Brief :: From the entries that follow, copy exactly the lines beginning at the line holding "#74=IFCINDEXEDPOLYGONALFACE((3,5,15,13));" and continuing through the line holding "#79=IFCINDEXEDPOLYGONALFACE((10,12,20,18));".

Stored data:
○ ○ ○ ○ ○
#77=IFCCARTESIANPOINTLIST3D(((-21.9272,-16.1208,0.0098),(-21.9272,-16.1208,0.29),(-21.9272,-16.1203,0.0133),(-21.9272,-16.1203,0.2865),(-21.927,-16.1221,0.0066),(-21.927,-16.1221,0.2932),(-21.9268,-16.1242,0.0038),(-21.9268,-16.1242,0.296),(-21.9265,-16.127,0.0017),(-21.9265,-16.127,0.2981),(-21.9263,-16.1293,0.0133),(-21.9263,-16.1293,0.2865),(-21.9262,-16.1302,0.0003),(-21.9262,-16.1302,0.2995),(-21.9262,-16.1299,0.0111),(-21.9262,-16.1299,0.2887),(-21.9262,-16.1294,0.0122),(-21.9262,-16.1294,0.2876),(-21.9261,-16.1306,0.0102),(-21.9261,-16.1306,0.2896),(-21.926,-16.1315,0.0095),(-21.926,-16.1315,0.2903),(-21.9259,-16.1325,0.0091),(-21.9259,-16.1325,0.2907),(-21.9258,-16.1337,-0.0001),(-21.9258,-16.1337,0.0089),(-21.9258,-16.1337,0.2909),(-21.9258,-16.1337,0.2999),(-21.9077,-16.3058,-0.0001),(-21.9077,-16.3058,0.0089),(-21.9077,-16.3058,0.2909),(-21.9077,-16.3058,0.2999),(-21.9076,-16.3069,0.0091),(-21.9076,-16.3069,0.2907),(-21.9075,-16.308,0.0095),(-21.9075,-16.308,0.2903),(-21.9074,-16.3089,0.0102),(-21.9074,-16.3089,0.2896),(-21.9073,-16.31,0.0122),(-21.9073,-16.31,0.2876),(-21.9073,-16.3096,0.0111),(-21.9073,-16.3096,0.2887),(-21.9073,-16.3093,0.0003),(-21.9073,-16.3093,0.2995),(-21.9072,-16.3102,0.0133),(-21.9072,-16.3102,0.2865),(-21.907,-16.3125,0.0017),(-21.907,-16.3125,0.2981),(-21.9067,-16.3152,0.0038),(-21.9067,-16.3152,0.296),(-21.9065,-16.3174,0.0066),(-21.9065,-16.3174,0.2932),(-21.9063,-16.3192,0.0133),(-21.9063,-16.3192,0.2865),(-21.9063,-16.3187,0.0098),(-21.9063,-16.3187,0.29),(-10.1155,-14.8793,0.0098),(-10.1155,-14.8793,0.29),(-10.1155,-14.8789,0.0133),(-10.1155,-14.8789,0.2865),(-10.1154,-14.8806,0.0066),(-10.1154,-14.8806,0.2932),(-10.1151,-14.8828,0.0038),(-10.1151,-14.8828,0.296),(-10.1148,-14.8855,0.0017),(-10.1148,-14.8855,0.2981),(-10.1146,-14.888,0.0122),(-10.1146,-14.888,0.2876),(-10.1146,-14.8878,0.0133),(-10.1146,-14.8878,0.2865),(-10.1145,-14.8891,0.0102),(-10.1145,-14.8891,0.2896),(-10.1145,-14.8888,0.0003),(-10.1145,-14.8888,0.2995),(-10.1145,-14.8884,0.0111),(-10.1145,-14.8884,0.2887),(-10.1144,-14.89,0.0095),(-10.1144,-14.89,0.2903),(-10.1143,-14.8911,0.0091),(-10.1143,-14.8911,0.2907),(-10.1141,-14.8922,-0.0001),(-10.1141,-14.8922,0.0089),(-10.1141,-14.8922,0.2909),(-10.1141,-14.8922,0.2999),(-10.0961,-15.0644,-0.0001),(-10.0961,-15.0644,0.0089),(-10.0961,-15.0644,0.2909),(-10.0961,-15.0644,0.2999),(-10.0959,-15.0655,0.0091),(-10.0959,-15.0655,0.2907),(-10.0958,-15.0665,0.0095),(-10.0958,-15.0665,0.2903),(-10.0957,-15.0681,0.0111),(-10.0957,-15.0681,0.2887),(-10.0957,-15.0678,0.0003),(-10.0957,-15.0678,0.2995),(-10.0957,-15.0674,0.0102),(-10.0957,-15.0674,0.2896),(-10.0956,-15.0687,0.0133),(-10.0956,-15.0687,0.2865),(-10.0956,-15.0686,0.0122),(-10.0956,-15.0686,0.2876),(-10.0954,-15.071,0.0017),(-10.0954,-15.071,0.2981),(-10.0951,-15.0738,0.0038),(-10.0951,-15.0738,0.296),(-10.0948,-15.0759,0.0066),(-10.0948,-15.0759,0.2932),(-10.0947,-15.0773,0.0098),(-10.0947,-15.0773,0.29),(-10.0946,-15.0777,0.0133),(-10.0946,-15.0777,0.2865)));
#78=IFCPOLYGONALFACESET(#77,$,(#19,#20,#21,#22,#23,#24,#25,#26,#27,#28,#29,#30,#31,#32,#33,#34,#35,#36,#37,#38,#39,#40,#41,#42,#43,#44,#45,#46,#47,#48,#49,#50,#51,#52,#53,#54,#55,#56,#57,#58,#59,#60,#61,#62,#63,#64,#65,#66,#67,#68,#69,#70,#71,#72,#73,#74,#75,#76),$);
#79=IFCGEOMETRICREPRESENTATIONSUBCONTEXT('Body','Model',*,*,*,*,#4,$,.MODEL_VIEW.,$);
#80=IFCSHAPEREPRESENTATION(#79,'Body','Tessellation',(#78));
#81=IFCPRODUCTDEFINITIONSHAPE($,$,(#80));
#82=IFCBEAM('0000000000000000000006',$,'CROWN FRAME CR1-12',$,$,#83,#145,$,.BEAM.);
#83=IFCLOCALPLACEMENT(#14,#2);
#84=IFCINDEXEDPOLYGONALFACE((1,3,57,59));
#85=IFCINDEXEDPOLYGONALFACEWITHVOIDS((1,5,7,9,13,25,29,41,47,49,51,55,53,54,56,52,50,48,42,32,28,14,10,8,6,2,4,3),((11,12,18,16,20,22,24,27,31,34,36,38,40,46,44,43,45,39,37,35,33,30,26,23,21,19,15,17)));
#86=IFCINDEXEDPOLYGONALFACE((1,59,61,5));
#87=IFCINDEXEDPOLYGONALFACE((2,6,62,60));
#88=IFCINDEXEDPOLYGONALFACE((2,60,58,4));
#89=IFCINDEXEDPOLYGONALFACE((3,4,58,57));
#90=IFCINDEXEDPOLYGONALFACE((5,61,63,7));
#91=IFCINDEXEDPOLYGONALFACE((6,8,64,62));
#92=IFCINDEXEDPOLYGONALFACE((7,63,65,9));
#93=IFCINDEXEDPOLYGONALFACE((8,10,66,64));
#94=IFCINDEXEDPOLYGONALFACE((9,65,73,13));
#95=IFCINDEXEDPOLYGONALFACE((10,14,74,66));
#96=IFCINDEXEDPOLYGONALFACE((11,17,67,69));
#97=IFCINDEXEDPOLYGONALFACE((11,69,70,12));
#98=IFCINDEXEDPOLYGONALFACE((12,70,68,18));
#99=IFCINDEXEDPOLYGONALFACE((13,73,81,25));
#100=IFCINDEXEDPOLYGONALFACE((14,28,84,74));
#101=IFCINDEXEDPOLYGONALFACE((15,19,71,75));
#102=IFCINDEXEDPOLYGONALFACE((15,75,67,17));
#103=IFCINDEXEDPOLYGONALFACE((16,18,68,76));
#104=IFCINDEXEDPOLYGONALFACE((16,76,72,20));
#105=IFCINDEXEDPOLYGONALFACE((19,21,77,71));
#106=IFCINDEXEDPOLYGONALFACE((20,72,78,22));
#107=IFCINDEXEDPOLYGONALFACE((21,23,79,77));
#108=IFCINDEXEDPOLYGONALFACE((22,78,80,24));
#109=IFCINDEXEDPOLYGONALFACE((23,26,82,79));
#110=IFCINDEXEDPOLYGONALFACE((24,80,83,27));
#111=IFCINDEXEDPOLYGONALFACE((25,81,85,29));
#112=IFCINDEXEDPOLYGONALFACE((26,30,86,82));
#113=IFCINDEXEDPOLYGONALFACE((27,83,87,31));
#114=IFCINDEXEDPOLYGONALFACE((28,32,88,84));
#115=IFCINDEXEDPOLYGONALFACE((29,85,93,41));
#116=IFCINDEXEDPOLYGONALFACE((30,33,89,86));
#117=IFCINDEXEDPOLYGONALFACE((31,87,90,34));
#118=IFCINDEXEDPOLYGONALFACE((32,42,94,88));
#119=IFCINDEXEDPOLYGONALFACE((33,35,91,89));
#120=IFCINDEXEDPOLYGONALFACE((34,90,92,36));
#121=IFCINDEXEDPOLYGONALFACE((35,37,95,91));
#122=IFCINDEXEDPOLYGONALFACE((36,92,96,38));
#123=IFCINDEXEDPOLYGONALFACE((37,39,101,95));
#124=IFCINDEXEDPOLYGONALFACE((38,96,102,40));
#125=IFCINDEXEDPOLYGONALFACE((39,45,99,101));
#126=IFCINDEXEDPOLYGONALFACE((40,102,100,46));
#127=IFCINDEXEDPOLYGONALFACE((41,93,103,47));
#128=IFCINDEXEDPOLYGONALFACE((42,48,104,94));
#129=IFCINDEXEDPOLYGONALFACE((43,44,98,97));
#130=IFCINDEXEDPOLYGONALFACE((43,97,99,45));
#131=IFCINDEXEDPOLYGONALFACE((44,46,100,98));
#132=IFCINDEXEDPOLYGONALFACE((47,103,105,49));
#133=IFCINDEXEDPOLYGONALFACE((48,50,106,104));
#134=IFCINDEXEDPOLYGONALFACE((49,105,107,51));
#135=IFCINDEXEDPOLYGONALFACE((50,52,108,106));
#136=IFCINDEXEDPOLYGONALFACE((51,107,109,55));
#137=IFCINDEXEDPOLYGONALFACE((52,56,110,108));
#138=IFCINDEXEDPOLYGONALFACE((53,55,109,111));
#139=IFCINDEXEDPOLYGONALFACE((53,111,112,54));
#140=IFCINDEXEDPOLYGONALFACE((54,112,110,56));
○ ○ ○ ○ ○
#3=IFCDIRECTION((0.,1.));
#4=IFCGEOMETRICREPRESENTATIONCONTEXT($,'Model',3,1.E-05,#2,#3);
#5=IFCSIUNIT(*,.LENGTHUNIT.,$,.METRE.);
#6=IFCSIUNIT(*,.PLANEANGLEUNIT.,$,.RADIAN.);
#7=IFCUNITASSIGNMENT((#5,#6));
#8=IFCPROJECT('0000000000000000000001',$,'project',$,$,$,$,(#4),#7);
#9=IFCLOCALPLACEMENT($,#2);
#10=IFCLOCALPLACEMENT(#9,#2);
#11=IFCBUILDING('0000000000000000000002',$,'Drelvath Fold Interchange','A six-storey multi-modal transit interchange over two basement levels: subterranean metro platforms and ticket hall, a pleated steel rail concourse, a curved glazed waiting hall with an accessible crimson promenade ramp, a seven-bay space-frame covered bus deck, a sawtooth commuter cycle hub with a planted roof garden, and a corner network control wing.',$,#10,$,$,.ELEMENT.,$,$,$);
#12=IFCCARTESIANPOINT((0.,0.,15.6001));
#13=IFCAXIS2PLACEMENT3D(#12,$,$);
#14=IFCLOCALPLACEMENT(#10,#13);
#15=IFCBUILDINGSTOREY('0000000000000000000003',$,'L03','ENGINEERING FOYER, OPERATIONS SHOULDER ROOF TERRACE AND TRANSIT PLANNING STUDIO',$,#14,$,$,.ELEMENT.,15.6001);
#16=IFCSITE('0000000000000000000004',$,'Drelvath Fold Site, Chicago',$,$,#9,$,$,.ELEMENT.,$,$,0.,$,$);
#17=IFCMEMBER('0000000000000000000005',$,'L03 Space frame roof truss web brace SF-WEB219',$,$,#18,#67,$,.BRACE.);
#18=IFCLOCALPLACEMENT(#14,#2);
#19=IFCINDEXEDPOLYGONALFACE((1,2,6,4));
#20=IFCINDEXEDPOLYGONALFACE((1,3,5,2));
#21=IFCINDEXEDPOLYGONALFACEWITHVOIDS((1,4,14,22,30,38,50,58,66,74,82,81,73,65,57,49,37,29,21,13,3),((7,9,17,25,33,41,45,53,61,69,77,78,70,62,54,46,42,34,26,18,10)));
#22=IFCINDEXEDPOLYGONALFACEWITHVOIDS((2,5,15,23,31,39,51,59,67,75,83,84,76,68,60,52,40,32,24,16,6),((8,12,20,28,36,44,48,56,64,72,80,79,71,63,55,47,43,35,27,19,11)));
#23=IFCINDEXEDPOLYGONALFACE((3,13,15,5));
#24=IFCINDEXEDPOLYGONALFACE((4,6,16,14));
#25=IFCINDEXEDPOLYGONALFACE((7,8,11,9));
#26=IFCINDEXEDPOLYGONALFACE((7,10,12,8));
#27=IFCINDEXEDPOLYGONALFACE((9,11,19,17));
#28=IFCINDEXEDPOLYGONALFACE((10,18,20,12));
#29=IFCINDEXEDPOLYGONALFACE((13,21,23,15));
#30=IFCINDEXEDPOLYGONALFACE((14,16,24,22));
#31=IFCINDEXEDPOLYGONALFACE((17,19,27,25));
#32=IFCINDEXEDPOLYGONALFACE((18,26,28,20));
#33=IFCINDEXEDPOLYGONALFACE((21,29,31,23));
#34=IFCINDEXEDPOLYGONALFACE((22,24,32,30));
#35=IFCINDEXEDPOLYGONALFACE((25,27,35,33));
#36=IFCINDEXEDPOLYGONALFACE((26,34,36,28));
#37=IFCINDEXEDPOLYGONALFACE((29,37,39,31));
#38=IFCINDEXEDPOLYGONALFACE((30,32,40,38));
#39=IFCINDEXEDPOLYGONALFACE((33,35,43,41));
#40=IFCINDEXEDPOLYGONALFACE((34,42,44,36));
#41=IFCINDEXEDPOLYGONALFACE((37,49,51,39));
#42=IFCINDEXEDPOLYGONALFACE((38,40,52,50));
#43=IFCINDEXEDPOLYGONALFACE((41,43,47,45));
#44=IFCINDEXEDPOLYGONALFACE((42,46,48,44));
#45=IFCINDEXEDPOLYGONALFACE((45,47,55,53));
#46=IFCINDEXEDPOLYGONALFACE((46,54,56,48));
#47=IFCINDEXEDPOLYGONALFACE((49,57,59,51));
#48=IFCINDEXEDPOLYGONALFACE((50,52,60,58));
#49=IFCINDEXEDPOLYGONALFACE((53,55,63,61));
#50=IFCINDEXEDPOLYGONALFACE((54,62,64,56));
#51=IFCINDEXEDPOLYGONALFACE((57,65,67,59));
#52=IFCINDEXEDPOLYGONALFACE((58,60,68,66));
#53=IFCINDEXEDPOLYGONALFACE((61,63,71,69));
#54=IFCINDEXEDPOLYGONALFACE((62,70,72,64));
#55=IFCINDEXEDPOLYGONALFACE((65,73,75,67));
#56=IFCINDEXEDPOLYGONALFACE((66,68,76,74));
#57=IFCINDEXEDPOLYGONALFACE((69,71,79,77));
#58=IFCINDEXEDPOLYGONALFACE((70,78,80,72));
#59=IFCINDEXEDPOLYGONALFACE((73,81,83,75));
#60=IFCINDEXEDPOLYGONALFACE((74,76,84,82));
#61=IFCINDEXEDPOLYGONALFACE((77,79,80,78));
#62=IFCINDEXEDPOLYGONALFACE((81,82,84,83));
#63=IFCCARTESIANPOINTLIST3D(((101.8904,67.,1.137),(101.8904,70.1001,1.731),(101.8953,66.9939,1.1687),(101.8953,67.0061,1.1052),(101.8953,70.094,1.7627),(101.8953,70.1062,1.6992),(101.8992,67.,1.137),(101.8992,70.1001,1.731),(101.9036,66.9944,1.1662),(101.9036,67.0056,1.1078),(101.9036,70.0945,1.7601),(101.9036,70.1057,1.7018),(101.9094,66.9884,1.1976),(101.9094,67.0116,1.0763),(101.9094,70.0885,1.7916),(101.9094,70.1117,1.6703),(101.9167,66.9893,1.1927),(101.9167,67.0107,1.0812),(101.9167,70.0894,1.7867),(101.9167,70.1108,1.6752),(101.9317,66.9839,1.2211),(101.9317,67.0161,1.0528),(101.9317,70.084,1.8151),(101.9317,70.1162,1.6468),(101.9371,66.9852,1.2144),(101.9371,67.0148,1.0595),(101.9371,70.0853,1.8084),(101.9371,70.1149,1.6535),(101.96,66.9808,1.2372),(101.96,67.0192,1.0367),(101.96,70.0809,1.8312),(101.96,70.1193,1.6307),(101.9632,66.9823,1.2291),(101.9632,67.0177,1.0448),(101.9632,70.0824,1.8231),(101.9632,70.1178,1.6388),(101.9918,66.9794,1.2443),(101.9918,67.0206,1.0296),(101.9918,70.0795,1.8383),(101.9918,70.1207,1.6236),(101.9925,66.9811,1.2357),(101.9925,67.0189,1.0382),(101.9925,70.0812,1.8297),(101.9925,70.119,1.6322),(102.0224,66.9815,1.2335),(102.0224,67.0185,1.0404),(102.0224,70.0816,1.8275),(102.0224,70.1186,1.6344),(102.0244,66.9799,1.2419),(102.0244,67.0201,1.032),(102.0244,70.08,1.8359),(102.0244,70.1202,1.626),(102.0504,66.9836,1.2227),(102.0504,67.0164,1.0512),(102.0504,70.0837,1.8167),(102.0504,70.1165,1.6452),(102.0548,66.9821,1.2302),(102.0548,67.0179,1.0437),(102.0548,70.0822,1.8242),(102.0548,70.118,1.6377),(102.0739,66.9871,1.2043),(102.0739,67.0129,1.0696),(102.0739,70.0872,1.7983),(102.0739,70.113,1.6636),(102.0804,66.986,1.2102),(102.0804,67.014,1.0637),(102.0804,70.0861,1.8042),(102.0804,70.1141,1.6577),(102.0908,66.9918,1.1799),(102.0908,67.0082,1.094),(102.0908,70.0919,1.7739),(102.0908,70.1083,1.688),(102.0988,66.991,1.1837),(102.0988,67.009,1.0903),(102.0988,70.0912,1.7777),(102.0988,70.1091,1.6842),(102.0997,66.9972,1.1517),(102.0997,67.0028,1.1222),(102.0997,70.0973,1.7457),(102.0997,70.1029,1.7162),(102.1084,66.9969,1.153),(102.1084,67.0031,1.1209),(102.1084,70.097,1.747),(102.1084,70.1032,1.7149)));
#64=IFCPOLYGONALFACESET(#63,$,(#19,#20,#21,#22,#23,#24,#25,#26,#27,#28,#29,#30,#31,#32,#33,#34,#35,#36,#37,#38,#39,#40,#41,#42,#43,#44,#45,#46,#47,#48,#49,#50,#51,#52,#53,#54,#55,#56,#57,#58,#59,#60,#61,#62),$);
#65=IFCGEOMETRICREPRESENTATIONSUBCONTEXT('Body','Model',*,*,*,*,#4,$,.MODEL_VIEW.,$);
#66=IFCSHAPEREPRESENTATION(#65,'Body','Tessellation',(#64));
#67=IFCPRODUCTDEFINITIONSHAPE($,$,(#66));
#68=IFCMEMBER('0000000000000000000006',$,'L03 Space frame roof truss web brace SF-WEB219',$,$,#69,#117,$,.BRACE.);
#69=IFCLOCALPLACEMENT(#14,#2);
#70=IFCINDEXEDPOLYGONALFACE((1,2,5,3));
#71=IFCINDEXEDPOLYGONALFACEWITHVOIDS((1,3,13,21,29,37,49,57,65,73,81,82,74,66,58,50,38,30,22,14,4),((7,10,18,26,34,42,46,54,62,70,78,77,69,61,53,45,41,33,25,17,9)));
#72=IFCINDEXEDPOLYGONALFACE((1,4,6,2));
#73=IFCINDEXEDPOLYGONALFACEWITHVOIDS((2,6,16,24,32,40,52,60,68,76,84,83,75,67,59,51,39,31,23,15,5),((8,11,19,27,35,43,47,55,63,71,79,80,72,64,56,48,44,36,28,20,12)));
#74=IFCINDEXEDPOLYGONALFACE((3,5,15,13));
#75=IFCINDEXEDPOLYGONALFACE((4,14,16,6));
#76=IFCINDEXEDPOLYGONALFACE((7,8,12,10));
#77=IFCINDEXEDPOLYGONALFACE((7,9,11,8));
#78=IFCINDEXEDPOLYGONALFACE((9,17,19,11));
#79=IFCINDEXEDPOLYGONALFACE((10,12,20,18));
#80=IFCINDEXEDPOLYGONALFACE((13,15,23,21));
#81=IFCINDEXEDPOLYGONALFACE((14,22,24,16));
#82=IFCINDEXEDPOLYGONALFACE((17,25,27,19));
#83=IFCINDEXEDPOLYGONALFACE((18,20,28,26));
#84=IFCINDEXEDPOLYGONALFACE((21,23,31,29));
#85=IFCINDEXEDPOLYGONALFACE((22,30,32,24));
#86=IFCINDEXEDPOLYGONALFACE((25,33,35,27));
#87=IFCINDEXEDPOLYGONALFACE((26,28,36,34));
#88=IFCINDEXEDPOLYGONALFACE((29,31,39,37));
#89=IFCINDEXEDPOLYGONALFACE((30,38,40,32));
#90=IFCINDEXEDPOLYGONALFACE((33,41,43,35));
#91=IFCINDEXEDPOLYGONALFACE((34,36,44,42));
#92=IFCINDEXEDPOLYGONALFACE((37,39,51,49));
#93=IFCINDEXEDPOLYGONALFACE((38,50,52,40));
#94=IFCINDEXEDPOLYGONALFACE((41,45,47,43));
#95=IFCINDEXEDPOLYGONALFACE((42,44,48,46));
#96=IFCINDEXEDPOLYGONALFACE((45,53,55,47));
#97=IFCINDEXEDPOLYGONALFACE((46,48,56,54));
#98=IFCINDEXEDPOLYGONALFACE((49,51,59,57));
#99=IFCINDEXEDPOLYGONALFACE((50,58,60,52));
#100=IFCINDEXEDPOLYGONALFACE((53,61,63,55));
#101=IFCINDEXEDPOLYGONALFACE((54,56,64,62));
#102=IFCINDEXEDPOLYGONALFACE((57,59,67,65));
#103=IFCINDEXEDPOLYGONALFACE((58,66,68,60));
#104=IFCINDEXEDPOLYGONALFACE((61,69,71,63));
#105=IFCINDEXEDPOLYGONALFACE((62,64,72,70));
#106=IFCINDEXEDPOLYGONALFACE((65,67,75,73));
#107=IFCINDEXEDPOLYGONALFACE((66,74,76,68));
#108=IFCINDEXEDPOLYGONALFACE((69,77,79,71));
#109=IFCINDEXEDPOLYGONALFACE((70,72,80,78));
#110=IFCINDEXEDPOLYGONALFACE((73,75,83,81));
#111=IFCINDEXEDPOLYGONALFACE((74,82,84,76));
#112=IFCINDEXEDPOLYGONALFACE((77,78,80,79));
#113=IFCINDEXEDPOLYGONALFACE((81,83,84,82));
○ ○ ○ ○ ○
Task solution ::
#74=IFCINDEXEDPOLYGONALFACE((3,5,15,13));
#75=IFCINDEXEDPOLYGONALFACE((4,14,16,6));
#76=IFCINDEXEDPOLYGONALFACE((7,8,12,10));
#77=IFCINDEXEDPOLYGONALFACE((7,9,11,8));
#78=IFCINDEXEDPOLYGONALFACE((9,17,19,11));
#79=IFCINDEXEDPOLYGONALFACE((10,12,20,18));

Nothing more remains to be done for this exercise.